Task prompt: An identical copy of the records below is the expected result.

Material for the task:
####################

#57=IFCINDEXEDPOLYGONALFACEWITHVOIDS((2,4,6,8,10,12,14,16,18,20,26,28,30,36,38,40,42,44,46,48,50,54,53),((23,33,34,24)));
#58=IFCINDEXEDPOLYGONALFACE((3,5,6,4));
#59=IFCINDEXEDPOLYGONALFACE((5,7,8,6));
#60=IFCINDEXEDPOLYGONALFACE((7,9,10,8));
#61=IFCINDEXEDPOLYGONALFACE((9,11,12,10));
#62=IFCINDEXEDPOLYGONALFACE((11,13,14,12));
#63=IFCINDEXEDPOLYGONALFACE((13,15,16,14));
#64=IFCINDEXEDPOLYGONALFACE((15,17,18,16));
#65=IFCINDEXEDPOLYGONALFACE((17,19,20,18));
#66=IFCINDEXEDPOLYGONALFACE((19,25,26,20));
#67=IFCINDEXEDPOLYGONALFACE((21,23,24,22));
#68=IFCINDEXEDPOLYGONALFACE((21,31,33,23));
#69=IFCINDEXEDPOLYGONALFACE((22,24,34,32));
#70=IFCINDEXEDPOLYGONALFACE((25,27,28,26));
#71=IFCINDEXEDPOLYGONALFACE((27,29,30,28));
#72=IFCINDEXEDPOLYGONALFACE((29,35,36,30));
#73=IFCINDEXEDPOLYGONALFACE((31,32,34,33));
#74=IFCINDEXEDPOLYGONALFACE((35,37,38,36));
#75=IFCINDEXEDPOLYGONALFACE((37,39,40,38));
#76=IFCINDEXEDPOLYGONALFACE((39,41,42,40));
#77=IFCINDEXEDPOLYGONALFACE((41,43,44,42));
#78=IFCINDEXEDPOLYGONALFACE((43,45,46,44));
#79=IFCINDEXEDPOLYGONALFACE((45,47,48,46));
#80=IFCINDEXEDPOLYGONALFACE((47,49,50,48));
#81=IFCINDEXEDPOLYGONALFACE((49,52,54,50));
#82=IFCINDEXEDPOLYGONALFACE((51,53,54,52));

####################

Answer section:
#57=IFCINDEXEDPOLYGONALFACEWITHVOIDS((2,4,6,8,10,12,14,16,18,20,26,28,30,36,38,40,42,44,46,48,50,54,53),((23,33,34,24)));
#58=IFCINDEXEDPOLYGONALFACE((3,5,6,4));
#59=IFCINDEXEDPOLYGONALFACE((5,7,8,6));
#60=IFCINDEXEDPOLYGONALFACE((7,9,10,8));
#61=IFCINDEXEDPOLYGONALFACE((9,11,12,10));
#62=IFCINDEXEDPOLYGONALFACE((11,13,14,12));
#63=IFCINDEXEDPOLYGONALFACE((13,15,16,14));
#64=IFCINDEXEDPOLYGONALFACE((15,17,18,16));
#65=IFCINDEXEDPOLYGONALFACE((17,19,20,18));
#66=IFCINDEXEDPOLYGONALFACE((19,25,26,20));
#67=IFCINDEXEDPOLYGONALFACE((21,23,24,22));
#68=IFCINDEXEDPOLYGONALFACE((21,31,33,23));
#69=IFCINDEXEDPOLYGONALFACE((22,24,34,32));
#70=IFCINDEXEDPOLYGONALFACE((25,27,28,26));
#71=IFCINDEXEDPOLYGONALFACE((27,29,30,28));
#72=IFCINDEXEDPOLYGONALFACE((29,35,36,30));
#73=IFCINDEXEDPOLYGONALFACE((31,32,34,33));
#74=IFCINDEXEDPOLYGONALFACE((35,37,38,36));
#75=IFCINDEXEDPOLYGONALFACE((37,39,40,38));
#76=IFCINDEXEDPOLYGONALFACE((39,41,42,40));
#77=IFCINDEXEDPOLYGONALFACE((41,43,44,42));
#78=IFCINDEXEDPOLYGONALFACE((43,45,46,44));
#79=IFCINDEXEDPOLYGONALFACE((45,47,48,46));
#80=IFCINDEXEDPOLYGONALFACE((47,49,50,48));
#81=IFCINDEXEDPOLYGONALFACE((49,52,54,50));
#82=IFCINDEXEDPOLYGONALFACE((51,53,54,52));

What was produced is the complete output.